● **Task to carry out**: Search the records for the string "broken" and return each line that has it.
————————
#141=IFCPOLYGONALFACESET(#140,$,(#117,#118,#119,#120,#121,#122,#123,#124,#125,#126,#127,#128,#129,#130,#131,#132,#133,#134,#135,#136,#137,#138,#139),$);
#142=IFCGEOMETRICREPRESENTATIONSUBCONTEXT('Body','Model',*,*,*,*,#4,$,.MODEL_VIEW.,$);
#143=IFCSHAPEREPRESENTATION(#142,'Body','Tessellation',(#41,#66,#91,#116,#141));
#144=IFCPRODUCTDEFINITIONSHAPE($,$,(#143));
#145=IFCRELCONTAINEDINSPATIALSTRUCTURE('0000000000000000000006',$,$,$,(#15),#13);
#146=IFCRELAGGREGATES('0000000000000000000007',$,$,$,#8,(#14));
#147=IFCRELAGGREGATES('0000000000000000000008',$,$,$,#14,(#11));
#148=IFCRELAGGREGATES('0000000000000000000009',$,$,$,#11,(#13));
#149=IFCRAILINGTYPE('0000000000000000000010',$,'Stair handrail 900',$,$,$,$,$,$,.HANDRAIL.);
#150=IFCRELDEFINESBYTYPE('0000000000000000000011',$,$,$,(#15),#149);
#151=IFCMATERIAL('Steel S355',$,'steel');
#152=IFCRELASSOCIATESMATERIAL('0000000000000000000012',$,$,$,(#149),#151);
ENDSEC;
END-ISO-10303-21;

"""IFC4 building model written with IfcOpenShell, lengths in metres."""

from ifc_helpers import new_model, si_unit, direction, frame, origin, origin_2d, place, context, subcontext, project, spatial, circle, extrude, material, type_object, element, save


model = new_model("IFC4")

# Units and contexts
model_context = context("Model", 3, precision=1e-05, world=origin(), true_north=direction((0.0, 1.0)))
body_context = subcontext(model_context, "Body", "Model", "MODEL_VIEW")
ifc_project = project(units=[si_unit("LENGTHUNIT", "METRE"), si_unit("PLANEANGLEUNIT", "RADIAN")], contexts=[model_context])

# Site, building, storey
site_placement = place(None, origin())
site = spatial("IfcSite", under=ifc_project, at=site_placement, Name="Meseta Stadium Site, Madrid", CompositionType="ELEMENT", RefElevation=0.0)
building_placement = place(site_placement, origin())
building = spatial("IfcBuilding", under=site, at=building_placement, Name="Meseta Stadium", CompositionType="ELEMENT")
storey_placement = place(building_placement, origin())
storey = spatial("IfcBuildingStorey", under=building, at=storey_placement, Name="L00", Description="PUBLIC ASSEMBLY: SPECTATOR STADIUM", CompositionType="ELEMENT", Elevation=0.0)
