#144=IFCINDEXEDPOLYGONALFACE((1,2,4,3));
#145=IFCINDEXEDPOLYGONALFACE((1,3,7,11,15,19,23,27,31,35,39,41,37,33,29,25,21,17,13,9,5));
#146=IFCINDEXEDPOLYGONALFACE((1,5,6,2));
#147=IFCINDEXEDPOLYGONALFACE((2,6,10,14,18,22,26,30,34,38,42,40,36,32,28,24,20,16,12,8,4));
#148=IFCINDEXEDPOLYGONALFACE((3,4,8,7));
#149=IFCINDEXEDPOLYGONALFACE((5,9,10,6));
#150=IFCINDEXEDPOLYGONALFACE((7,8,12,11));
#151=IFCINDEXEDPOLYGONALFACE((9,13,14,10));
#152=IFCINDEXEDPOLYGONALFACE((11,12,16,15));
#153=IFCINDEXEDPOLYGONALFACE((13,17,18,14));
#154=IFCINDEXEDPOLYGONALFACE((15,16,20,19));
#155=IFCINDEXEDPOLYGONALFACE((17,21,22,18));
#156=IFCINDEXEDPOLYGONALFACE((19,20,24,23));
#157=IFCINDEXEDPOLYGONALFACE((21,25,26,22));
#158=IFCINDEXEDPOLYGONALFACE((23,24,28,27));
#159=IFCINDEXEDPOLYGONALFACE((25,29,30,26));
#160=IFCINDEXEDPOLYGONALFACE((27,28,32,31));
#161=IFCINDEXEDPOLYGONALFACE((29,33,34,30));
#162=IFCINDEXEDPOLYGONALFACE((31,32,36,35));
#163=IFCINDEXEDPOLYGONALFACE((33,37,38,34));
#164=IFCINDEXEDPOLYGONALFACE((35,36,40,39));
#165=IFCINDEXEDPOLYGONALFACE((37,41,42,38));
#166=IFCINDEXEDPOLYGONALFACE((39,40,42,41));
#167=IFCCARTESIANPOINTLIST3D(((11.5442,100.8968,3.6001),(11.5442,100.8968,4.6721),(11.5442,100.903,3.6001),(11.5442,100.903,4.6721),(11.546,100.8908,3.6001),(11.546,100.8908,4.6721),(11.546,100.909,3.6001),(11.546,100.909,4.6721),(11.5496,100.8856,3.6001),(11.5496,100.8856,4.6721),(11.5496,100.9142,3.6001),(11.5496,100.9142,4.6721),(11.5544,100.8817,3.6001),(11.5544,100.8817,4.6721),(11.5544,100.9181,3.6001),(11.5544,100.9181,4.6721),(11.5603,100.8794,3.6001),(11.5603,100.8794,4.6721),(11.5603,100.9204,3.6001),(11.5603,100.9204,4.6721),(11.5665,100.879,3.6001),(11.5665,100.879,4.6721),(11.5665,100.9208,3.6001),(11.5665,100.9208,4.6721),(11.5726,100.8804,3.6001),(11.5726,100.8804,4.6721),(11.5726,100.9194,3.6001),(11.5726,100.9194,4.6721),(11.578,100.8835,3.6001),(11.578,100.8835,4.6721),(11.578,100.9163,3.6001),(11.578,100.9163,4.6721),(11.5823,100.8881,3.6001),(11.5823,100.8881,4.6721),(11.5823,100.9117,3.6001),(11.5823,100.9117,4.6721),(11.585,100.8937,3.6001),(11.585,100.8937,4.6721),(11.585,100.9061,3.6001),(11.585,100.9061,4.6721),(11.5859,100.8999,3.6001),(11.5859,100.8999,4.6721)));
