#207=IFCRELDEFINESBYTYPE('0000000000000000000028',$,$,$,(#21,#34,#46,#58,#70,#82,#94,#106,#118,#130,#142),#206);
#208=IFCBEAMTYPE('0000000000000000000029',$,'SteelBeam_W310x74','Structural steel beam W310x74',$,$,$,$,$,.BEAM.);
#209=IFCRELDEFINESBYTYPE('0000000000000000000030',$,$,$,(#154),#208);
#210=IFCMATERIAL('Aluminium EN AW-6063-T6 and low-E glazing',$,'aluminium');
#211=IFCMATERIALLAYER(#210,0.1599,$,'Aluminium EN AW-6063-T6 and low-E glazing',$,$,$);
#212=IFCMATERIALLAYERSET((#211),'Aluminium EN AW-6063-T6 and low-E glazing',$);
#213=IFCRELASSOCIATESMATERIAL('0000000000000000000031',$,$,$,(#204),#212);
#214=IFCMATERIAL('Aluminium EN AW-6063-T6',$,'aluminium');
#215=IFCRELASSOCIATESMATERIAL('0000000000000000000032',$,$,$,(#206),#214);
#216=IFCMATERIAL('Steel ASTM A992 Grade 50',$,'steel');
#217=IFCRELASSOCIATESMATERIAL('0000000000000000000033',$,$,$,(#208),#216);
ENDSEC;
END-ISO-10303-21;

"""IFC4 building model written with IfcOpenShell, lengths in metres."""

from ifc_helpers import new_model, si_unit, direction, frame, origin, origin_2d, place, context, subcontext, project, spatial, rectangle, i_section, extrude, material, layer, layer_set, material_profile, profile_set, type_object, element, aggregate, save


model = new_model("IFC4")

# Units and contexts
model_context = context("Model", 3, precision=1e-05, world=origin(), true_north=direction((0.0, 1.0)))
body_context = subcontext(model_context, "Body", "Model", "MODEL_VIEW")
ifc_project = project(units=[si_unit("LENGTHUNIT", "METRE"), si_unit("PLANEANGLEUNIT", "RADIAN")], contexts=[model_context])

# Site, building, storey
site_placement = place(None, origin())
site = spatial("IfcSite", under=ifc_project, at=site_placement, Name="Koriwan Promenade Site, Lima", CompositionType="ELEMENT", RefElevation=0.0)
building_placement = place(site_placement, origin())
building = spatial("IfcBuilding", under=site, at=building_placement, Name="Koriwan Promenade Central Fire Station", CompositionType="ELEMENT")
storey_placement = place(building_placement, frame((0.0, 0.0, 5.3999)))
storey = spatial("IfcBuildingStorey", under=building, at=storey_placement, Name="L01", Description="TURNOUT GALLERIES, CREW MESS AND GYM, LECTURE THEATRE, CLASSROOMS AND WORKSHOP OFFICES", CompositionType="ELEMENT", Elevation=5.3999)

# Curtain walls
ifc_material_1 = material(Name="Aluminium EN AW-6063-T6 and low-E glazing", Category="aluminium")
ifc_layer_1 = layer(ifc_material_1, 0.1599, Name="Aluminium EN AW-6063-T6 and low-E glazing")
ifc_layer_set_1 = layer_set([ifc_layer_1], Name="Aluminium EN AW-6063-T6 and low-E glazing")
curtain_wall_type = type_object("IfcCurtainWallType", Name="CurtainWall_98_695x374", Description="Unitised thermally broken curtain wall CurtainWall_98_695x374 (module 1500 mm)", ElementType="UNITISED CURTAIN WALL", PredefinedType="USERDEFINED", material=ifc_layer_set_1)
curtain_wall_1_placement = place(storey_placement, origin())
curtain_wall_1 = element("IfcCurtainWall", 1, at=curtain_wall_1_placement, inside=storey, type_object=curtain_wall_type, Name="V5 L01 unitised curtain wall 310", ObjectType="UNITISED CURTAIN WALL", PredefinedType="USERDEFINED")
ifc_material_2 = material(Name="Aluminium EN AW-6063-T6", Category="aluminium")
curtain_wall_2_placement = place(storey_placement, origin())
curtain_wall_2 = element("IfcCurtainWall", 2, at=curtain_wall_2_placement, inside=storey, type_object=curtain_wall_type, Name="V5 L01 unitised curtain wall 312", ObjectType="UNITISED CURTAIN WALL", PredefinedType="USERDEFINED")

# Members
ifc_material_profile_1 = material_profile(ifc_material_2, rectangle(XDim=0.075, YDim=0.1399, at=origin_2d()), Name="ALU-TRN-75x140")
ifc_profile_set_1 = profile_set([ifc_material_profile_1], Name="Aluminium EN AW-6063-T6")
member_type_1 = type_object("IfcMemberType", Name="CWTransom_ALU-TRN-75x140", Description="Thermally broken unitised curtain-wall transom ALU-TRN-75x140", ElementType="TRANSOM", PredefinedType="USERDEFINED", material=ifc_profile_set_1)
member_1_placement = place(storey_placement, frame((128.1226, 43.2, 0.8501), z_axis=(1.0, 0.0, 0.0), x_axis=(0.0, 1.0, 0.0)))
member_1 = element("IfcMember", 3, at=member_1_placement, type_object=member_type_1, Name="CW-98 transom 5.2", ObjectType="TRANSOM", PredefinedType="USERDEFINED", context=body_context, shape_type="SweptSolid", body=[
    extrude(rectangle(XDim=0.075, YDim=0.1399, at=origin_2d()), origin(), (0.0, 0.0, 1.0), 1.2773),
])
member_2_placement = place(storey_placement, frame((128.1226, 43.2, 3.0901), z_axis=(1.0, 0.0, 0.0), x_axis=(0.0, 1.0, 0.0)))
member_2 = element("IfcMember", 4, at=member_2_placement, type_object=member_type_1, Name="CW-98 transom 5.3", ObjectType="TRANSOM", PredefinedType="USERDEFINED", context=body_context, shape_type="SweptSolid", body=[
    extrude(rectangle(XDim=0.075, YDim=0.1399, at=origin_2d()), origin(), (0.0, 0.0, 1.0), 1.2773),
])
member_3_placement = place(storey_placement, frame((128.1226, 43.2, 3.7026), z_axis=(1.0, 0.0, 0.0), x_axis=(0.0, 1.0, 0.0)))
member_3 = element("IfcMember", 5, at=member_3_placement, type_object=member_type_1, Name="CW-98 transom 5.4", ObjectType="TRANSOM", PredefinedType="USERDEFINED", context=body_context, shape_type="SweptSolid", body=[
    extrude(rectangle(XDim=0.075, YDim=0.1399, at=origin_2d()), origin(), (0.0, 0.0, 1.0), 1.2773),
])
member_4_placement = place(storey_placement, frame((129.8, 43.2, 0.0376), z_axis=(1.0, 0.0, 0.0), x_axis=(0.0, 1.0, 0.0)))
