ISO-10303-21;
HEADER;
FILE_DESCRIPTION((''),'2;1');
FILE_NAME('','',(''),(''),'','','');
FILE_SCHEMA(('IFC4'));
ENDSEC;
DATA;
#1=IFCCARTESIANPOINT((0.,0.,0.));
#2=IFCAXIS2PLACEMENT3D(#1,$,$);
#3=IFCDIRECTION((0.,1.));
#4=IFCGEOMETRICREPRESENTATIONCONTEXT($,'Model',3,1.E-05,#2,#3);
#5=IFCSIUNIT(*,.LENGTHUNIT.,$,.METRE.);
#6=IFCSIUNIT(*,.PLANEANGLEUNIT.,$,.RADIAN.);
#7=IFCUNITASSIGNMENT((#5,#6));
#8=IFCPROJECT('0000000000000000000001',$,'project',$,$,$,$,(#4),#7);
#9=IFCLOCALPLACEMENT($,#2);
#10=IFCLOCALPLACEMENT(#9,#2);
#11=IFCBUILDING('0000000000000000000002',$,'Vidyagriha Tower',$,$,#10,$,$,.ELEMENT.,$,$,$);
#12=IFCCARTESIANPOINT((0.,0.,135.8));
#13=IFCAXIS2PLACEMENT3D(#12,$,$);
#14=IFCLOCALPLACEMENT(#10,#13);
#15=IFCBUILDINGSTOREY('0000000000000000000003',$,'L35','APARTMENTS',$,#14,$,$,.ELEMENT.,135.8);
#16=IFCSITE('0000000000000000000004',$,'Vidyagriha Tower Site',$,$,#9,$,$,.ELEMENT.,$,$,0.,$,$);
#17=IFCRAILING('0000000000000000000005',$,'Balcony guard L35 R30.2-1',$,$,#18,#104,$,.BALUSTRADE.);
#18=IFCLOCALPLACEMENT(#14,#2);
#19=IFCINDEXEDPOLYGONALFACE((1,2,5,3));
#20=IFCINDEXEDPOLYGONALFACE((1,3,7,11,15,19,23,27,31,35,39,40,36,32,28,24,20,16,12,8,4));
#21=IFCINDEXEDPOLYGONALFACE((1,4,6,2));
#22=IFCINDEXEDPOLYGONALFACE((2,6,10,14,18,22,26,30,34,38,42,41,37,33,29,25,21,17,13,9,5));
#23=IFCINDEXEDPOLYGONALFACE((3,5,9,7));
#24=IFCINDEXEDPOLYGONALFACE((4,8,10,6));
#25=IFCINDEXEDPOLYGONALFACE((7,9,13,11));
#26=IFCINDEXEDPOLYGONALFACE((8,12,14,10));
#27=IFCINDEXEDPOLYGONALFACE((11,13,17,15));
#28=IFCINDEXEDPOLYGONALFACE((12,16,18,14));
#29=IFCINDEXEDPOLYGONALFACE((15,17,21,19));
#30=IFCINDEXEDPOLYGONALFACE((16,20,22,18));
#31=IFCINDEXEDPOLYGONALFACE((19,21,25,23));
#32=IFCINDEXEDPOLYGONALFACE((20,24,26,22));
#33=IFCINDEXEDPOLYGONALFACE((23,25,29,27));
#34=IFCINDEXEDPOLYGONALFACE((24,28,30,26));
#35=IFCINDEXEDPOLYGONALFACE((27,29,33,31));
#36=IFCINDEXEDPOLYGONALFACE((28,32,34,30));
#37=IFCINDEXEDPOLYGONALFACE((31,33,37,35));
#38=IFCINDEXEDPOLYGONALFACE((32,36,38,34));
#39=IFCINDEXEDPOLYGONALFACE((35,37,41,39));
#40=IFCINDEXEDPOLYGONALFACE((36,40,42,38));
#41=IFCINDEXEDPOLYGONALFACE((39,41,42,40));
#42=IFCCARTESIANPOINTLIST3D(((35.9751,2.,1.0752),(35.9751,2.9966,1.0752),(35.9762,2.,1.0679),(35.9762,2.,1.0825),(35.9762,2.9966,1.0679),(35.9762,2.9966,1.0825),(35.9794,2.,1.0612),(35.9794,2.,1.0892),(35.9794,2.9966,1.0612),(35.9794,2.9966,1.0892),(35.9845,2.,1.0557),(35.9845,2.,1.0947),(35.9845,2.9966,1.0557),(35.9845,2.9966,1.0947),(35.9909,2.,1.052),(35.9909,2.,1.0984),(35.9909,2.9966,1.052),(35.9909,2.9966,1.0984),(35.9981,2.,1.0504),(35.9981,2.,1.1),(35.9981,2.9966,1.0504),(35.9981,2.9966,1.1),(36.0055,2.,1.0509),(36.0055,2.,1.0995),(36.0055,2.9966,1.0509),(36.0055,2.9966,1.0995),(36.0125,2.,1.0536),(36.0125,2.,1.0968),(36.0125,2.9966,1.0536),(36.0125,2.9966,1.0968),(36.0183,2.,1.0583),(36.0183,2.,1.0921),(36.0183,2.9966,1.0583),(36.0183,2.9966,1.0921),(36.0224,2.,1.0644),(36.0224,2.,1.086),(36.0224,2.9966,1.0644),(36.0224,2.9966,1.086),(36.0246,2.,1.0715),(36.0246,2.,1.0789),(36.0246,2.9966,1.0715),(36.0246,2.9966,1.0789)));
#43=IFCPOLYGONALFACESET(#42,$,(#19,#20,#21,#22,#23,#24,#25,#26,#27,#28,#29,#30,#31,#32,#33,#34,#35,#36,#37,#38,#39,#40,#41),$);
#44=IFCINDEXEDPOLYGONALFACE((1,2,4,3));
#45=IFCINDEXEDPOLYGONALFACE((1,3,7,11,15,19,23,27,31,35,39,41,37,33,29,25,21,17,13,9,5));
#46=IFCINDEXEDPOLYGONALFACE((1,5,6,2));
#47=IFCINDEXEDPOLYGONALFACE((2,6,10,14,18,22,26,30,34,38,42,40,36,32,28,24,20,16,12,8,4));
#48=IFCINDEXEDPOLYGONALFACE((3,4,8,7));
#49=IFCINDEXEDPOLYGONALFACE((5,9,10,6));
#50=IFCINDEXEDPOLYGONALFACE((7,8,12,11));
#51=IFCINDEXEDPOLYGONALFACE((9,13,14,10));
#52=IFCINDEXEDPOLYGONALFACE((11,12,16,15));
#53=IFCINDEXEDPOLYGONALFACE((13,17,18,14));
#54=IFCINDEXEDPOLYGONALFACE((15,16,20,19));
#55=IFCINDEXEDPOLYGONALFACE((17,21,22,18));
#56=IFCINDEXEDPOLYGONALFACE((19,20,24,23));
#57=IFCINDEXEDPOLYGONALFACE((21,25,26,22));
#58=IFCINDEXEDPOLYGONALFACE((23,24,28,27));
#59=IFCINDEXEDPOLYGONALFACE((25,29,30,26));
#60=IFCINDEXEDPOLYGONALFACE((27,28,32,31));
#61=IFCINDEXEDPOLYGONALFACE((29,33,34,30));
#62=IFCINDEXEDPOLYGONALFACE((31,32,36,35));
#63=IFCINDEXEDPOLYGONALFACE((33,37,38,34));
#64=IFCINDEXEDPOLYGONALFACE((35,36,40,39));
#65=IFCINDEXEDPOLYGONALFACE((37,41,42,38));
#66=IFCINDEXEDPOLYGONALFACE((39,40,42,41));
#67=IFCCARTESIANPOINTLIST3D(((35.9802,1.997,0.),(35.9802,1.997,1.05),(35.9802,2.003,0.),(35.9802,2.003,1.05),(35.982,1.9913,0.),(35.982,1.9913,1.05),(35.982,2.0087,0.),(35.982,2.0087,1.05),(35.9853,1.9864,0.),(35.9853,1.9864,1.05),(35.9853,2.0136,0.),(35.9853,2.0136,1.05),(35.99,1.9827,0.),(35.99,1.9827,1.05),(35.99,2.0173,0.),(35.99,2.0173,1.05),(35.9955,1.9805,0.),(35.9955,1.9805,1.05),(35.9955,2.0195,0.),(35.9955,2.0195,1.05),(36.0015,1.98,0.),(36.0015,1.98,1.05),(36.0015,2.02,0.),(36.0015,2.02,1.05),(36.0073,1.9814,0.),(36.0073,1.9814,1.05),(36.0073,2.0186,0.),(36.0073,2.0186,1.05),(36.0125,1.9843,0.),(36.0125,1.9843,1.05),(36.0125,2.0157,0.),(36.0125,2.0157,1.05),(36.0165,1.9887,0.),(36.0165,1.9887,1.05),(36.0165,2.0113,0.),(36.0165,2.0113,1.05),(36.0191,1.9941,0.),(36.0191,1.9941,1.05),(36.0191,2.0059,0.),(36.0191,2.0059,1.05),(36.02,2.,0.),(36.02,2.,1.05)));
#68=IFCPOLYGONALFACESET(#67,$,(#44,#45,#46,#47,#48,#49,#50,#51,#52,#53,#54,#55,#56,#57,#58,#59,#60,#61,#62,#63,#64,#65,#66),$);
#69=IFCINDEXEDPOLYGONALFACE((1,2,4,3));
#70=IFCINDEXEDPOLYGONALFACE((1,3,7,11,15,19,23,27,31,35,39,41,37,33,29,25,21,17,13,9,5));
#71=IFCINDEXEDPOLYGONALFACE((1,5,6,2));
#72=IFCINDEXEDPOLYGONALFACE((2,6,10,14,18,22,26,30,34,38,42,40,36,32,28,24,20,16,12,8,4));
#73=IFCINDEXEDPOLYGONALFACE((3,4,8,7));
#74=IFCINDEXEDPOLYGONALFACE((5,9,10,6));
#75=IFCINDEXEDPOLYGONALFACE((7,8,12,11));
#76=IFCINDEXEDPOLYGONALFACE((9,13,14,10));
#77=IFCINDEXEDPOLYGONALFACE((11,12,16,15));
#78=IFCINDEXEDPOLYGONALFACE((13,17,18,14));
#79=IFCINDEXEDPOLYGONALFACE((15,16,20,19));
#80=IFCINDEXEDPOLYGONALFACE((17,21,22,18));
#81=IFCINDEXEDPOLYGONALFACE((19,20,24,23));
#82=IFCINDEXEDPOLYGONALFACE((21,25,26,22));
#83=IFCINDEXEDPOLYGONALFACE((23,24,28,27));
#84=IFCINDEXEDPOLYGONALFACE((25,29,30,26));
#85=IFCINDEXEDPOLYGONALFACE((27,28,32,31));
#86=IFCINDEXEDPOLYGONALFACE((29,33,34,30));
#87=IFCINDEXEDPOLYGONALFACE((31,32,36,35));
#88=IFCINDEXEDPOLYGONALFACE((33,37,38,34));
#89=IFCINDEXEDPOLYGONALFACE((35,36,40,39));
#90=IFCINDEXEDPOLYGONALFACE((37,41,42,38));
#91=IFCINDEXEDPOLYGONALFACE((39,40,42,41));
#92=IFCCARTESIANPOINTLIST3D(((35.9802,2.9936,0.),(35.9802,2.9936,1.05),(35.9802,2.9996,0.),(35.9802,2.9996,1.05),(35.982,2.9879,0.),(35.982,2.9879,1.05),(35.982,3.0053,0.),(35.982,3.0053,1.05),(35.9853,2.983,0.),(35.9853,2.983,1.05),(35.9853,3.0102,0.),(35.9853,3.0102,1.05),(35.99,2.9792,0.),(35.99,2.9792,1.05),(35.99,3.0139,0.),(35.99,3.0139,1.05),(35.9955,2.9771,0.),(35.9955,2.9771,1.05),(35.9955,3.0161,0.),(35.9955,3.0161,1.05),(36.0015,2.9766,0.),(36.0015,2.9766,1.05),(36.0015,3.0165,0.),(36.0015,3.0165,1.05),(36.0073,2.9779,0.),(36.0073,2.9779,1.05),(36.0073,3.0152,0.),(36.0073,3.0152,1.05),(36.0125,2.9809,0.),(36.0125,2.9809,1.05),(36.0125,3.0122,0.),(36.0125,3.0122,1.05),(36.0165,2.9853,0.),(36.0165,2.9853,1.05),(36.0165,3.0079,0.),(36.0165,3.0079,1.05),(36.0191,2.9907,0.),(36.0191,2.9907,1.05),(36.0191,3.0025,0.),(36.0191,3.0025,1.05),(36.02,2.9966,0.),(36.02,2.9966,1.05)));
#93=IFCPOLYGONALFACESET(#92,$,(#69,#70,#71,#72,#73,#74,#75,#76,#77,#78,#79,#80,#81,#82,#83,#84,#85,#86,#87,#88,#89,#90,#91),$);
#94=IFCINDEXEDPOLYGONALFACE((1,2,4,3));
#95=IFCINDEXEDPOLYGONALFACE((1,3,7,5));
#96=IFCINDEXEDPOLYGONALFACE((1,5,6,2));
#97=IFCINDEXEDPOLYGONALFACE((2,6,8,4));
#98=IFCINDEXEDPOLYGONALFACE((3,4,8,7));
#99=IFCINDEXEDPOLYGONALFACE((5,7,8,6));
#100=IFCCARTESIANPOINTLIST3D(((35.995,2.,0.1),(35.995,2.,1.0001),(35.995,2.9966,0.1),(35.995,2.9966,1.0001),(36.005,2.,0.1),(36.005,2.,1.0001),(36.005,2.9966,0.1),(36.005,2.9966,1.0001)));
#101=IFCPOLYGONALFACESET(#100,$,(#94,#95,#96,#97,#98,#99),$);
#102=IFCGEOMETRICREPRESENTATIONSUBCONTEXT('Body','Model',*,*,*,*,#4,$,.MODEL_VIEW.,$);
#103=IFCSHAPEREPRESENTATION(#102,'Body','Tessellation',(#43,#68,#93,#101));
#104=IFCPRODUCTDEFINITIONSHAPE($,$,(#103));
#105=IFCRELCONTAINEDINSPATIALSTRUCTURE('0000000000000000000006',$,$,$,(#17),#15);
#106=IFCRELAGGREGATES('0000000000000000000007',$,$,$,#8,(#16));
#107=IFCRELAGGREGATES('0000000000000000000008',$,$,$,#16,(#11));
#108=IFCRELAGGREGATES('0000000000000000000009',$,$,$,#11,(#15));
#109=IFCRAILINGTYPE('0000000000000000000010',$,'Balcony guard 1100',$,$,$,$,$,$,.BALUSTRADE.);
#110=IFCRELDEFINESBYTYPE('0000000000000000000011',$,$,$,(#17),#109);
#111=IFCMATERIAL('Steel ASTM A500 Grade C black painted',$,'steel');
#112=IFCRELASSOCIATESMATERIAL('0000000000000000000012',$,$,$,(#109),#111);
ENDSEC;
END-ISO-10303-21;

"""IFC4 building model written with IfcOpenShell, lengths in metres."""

from ifc_helpers import new_model, si_unit, direction, frame, origin, origin_2d, place, context, subcontext, project, spatial, rectangle, circle, extrude, material, type_object, element, save


model = new_model("IFC4")

# Units and contexts
model_context = context("Model", 3, precision=1e-05, world=origin(), true_north=direction((0.0, 1.0)))
body_context = subcontext(model_context, "Body", "Model", "MODEL_VIEW")
ifc_project = project(units=[si_unit("LENGTHUNIT", "METRE"), si_unit("PLANEANGLEUNIT", "RADIAN")], contexts=[model_context])

# Site, building, storey
site_placement = place(None, origin())
site = spatial("IfcSite", under=ifc_project, at=site_placement, Name="Vidyagriha Tower Site", CompositionType="ELEMENT", RefElevation=0.0)
building_placement = place(site_placement, origin())
building = spatial("IfcBuilding", under=site, at=building_placement, Name="Vidyagriha Tower", CompositionType="ELEMENT")
storey_placement = place(building_placement, frame((0.0, 0.0, 135.8)))
storey = spatial("IfcBuildingStorey", under=building, at=storey_placement, Name="L35", Description="APARTMENTS", CompositionType="ELEMENT", Elevation=135.8)

# Railing
ifc_material_1 = material(Name="Steel ASTM A500 Grade C black painted", Category="steel")
railing_type_1 = type_object("IfcRailingType", Name="Balcony guard 1100", PredefinedType="BALUSTRADE", material=ifc_material_1)
railing_1_placement = place(storey_placement, frame((36.0, 2.0, 0.0)))
element("IfcRailing", 1, at=railing_1_placement, inside=storey, type_object=railing_type_1, Name="Balcony guard L35 R30.2-1", PredefinedType="BALUSTRADE", context=body_context, shape_type="SweptSolid", body=[
    extrude(circle(Radius=0.0249, at=origin_2d()), frame((0.0, 0.0, 1.0752), z_axis=(0.0, 1.0, 0.0), x_axis=(-1.0, 0.0, 0.0)), (0.0, 0.0, 1.0), 0.9966),
    extrude(circle(Radius=0.02, at=origin_2d()), origin(), (0.0, 0.0, 1.0), 1.05),
    extrude(circle(Radius=0.02, at=origin_2d()), frame((0.0, 0.9966, 0.0)), (0.0, 0.0, 1.0), 1.05),
    extrude(rectangle(XDim=0.01, YDim=0.9001, at=origin_2d()), frame((0.0, 0.0, 0.55), z_axis=(0.0, 1.0, 0.0), x_axis=(-1.0, 0.0, 0.0)), (0.0, 0.0, 1.0), 0.9966),
])

save(model, "model.ifc")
————————
● **Result of this exercise**:
curtain_wall_type = type_object("IfcCurtainWallType", Name="CurtainWall_98_695x374", Description="Unitised thermally broken curtain wall CurtainWall_98_695x374 (module 1500 mm)", ElementType="UNITISED CURTAIN WALL", PredefinedType="USERDEFINED", material=ifc_layer_set_1)
member_type_1 = type_object("IfcMemberType", Name="CWTransom_ALU-TRN-75x140", Description="Thermally broken unitised curtain-wall transom ALU-TRN-75x140", ElementType="TRANSOM", PredefinedType="USERDEFINED", material=ifc_profile_set_1)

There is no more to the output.